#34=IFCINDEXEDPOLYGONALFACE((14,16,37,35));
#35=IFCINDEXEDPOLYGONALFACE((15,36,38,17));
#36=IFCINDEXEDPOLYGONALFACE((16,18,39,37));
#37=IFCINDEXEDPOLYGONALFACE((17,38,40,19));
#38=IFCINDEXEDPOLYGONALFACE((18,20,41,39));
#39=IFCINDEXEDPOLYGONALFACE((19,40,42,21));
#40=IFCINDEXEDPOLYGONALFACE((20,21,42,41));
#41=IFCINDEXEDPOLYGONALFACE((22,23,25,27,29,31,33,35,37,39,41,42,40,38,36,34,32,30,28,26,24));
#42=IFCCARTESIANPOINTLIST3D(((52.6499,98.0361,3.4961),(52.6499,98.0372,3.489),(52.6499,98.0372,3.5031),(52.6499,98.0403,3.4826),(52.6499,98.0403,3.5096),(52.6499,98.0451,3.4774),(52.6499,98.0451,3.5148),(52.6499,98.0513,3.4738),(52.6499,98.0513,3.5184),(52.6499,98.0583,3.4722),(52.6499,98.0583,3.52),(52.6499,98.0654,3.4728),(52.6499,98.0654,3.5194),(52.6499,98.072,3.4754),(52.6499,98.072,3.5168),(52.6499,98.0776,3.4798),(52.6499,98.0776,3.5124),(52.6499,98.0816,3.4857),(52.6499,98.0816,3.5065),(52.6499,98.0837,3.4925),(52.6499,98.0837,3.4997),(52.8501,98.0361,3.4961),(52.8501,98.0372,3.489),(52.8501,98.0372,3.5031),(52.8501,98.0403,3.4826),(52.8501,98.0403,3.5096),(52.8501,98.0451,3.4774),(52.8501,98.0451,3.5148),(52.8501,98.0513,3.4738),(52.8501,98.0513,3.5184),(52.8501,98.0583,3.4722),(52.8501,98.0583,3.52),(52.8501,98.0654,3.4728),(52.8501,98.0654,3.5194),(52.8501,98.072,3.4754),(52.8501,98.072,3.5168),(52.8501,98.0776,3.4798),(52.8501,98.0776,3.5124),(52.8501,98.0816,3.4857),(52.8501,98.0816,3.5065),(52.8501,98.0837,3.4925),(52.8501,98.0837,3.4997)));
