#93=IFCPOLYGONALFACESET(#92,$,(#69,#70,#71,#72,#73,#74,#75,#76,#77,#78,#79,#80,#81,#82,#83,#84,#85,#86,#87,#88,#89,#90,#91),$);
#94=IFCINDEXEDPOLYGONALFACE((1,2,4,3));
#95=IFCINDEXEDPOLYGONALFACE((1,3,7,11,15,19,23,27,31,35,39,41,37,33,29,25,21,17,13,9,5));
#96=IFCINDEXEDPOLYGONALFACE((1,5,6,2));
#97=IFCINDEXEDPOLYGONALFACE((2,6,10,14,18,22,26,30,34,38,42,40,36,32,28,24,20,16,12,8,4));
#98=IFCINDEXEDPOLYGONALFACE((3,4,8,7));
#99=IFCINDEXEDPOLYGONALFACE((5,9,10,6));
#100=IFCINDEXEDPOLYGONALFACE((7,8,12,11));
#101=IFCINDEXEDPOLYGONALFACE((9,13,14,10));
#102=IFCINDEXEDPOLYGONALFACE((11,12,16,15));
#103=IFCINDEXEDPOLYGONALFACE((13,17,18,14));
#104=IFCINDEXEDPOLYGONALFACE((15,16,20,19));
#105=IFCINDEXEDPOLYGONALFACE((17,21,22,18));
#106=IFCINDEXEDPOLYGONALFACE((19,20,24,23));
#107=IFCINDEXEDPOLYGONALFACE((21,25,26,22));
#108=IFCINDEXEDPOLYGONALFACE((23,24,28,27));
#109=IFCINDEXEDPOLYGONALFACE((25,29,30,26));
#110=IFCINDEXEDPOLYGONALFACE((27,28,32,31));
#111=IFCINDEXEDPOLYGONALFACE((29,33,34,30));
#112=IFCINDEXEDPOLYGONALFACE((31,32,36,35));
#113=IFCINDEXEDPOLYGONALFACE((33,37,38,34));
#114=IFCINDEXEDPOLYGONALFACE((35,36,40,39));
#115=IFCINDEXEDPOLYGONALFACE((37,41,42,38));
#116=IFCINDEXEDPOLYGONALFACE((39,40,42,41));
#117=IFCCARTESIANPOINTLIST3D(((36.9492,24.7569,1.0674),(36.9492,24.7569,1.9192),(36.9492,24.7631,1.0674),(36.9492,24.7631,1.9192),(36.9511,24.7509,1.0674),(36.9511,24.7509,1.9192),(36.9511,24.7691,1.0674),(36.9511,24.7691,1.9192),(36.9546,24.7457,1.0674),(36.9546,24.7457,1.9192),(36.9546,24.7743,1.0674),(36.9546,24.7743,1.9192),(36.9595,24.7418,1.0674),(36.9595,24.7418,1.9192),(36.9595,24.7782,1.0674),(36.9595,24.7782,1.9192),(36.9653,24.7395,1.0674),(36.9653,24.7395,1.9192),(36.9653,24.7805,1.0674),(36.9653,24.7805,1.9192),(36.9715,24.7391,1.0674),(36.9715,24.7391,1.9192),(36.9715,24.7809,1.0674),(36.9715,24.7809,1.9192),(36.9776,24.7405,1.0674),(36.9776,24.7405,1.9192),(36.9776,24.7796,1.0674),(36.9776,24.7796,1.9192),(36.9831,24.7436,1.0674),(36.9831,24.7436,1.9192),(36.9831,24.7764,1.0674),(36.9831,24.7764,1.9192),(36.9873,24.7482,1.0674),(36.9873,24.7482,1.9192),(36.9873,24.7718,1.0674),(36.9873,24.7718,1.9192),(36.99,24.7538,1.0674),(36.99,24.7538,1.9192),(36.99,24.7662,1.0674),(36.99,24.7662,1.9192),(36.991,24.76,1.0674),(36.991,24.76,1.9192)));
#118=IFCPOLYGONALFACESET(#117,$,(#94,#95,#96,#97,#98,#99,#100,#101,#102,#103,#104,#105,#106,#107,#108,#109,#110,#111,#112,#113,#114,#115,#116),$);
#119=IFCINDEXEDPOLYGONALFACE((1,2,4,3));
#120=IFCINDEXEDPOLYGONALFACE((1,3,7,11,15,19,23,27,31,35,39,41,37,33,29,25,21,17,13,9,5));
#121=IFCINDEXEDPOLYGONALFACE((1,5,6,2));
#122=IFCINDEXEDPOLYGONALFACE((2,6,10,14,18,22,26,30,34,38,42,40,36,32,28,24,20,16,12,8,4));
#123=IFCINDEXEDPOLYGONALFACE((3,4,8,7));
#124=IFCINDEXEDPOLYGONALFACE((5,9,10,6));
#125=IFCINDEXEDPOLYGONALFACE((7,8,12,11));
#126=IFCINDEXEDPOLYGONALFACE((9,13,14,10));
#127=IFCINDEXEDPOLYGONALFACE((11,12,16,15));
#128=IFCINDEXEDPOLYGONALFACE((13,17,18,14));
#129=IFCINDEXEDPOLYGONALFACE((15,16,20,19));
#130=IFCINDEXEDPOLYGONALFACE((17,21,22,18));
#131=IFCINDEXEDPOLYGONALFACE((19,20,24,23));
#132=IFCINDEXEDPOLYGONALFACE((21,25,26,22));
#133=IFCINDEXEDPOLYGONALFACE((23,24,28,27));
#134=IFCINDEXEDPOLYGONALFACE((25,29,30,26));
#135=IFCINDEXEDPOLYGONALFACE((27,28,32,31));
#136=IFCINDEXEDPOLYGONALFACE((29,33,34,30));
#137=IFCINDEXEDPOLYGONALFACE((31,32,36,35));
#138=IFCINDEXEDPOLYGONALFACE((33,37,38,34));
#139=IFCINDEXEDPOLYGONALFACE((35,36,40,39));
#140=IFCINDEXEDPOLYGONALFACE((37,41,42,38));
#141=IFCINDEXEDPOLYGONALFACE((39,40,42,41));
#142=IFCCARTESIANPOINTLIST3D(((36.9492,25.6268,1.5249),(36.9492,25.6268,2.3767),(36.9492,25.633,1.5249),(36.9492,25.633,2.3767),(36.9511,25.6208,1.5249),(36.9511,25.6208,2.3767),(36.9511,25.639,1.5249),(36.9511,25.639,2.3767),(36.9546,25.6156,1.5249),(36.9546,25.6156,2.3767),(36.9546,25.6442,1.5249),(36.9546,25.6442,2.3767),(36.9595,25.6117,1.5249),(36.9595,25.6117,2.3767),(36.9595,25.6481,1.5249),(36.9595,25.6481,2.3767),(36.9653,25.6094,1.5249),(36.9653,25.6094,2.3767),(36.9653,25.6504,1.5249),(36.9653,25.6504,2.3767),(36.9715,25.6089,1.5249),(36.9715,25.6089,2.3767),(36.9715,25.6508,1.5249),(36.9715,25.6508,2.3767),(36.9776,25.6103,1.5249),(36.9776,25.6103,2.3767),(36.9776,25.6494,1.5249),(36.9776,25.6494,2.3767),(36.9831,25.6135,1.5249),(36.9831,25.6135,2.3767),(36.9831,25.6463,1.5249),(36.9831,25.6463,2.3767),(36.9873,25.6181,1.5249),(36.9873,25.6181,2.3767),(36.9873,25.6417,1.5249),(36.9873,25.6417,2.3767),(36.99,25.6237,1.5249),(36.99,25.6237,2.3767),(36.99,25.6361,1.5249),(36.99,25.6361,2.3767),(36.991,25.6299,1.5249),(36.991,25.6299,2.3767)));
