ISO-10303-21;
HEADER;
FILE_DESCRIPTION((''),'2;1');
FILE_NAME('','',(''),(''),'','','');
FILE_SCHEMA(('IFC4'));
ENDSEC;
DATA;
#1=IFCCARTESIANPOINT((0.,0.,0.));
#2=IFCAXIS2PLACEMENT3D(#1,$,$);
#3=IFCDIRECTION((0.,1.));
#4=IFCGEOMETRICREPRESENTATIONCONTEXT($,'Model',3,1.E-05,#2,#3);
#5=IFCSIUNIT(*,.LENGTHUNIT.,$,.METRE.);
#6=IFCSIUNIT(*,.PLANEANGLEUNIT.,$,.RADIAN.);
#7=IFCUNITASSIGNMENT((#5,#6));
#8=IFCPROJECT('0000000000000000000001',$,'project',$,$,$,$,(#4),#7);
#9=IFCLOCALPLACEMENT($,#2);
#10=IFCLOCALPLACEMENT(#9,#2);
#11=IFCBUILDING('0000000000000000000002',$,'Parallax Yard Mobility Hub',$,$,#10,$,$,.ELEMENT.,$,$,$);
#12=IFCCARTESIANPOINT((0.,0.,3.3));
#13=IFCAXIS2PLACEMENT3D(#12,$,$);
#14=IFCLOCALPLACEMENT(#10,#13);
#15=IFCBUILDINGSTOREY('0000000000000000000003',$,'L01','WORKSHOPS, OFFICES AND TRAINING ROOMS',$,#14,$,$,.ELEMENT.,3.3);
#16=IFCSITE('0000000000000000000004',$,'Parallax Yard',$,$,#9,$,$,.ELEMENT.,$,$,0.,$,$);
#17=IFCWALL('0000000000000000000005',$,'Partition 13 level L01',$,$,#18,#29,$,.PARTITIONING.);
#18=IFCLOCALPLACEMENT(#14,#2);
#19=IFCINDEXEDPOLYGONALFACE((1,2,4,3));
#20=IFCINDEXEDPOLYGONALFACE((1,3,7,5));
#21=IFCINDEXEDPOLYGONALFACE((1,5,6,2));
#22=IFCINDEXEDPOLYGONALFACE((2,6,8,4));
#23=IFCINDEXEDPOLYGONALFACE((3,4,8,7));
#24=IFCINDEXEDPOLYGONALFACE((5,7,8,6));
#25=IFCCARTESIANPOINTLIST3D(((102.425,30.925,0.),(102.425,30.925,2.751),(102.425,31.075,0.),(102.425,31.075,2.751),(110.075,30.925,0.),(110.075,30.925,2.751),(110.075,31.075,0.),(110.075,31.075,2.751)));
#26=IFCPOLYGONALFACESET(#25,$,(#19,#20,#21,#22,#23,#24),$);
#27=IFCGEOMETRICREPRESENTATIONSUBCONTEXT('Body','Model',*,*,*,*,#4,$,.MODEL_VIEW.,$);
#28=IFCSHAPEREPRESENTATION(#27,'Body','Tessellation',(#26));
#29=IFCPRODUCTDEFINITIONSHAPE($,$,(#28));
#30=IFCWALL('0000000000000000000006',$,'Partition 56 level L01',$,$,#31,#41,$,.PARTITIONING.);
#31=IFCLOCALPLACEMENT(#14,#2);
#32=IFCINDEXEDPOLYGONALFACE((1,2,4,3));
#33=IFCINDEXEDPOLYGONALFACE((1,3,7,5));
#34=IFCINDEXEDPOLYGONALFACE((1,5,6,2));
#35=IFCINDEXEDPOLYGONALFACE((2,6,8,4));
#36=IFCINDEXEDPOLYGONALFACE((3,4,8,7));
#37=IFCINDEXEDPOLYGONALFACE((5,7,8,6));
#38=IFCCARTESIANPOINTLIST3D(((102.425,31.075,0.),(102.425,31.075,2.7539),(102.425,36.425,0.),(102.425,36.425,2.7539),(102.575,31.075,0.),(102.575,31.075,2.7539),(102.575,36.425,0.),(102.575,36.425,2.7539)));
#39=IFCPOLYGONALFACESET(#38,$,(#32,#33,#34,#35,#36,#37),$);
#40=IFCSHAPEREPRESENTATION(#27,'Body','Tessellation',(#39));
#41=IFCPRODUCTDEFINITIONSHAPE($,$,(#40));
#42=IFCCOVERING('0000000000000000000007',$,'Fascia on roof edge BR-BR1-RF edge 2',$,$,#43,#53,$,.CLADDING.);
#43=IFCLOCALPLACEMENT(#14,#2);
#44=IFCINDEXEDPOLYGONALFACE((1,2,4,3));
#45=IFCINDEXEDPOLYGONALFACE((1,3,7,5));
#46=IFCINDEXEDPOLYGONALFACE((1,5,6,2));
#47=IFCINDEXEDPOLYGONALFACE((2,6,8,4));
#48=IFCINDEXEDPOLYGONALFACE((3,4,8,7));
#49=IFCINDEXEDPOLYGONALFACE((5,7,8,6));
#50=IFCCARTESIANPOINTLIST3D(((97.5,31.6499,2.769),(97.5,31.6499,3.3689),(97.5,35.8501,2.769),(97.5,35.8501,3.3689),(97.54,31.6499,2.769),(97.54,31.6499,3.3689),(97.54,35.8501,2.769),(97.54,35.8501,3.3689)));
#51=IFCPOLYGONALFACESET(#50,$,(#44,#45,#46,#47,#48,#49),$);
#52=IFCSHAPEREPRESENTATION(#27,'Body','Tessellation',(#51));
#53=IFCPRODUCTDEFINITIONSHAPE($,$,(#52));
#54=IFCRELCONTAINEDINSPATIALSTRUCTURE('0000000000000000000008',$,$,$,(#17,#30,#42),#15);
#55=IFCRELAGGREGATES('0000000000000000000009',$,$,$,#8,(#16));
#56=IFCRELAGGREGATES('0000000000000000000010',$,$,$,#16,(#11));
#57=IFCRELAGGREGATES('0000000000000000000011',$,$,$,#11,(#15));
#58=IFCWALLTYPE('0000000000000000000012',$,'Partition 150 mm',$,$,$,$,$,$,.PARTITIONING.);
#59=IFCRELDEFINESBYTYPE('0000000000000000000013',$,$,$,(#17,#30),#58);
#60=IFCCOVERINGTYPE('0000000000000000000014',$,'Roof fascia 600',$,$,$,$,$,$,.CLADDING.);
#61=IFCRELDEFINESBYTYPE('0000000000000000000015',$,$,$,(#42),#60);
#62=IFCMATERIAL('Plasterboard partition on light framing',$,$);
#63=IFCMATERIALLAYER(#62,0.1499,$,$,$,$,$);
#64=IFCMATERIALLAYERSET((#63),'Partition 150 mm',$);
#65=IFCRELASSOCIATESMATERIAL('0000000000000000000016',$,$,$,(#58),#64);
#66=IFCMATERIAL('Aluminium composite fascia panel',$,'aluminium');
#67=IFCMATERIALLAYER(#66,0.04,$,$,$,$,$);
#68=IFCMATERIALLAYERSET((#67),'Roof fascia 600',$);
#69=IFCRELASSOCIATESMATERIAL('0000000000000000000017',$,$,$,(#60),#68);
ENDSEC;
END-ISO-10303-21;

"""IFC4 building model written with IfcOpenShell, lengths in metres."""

from ifc_helpers import new_model, si_unit, direction, frame, frame_2d, origin, place, context, subcontext, project, spatial, polyline, rectangle, outline, extrude, material, layer, layer_set, type_object, element, save


model = new_model("IFC4")

# Units and contexts
model_context = context("Model", 3, precision=1e-05, world=origin(), true_north=direction((0.0, 1.0)))
body_context = subcontext(model_context, "Body", "Model", "MODEL_VIEW")
ifc_project = project(units=[si_unit("LENGTHUNIT", "METRE"), si_unit("PLANEANGLEUNIT", "RADIAN")], contexts=[model_context])

# Site, building, storey
site_placement = place(None, origin())
site = spatial("IfcSite", under=ifc_project, at=site_placement, Name="Parallax Yard", CompositionType="ELEMENT", RefElevation=0.0)
building_placement = place(site_placement, origin())
building = spatial("IfcBuilding", under=site, at=building_placement, Name="Parallax Yard Mobility Hub", CompositionType="ELEMENT")
storey_placement = place(building_placement, frame((0.0, 0.0, 3.3)))
storey = spatial("IfcBuildingStorey", under=building, at=storey_placement, Name="L01", Description="WORKSHOPS, OFFICES AND TRAINING ROOMS", CompositionType="ELEMENT", Elevation=3.3)

# Shared definitions
ifc_material_1 = material(Name="Plasterboard partition on light framing")
ifc_layer_1 = layer(ifc_material_1, 0.1499)
ifc_layer_set_1 = layer_set([ifc_layer_1], Name="Partition 150 mm")
wall_type_1 = type_object("IfcWallType", Name="Partition 150 mm", PredefinedType="PARTITIONING", material=ifc_layer_set_1)

# Walls
wall_1_placement = place(storey_placement, frame((102.425, 31.0, 0.0), z_axis=(0.0, 0.0, 1.0), x_axis=(1.0, 0.0, 0.0)))
element("IfcWall", 1, at=wall_1_placement, inside=storey, type_object=wall_type_1, Name="Partition 13 level L01", PredefinedType="PARTITIONING", context=body_context, shape_type="SweptSolid", body=[
    extrude(rectangle(XDim=7.6499, YDim=0.1499, at=frame_2d((3.825, 0.0))), origin(), (0.0, 0.0, 1.0), 2.751),
])
wall_2_placement = place(storey_placement, frame((102.5, 31.075, 0.0), z_axis=(0.0, 0.0, 1.0), x_axis=(0.0, 1.0, 0.0)))
element("IfcWall", 2, at=wall_2_placement, inside=storey, type_object=wall_type_1, Name="Partition 56 level L01", PredefinedType="PARTITIONING", context=body_context, shape_type="SweptSolid", body=[
    extrude(rectangle(XDim=5.3501, YDim=0.1499, at=frame_2d((2.675, 0.0))), origin(), (0.0, 0.0, 1.0), 2.7539),
])

# Covering
ifc_material_2 = material(Name="Aluminium composite fascia panel", Category="aluminium")
ifc_layer_2 = layer(ifc_material_2, 0.04)
ifc_layer_set_2 = layer_set([ifc_layer_2], Name="Roof fascia 600")
covering_type = type_object("IfcCoveringType", Name="Roof fascia 600", PredefinedType="CLADDING", material=ifc_layer_set_2)
covering_placement = place(storey_placement, frame((97.5, 31.6499, 3.3689), z_axis=(-1.0, 0.0, 0.0), x_axis=(0.0, 1.0, 0.0)))
element("IfcCovering", 3, at=covering_placement, inside=storey, type_object=covering_type, Name="Fascia on roof edge BR-BR1-RF edge 2", PredefinedType="CLADDING", context=body_context, shape_type="SweptSolid", body=[
    extrude(outline(polyline([(0.0, 0.0), (4.2002, 0.0), (4.2002, 0.5999), (0.0, 0.5999), (0.0, 0.0)])), origin(), (0.0, 0.0, -1.0), 0.04),
])

save(model, "model.ifc")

□ □ □ □ □ □ □

→ Assigned task
With "Tessellation" as the search string, filter the records and return each line that has it.

→ Output below
#28=IFCSHAPEREPRESENTATION(#27,'Body','Tessellation',(#26));
#40=IFCSHAPEREPRESENTATION(#27,'Body','Tessellation',(#39));
#52=IFCSHAPEREPRESENTATION(#27,'Body','Tessellation',(#51));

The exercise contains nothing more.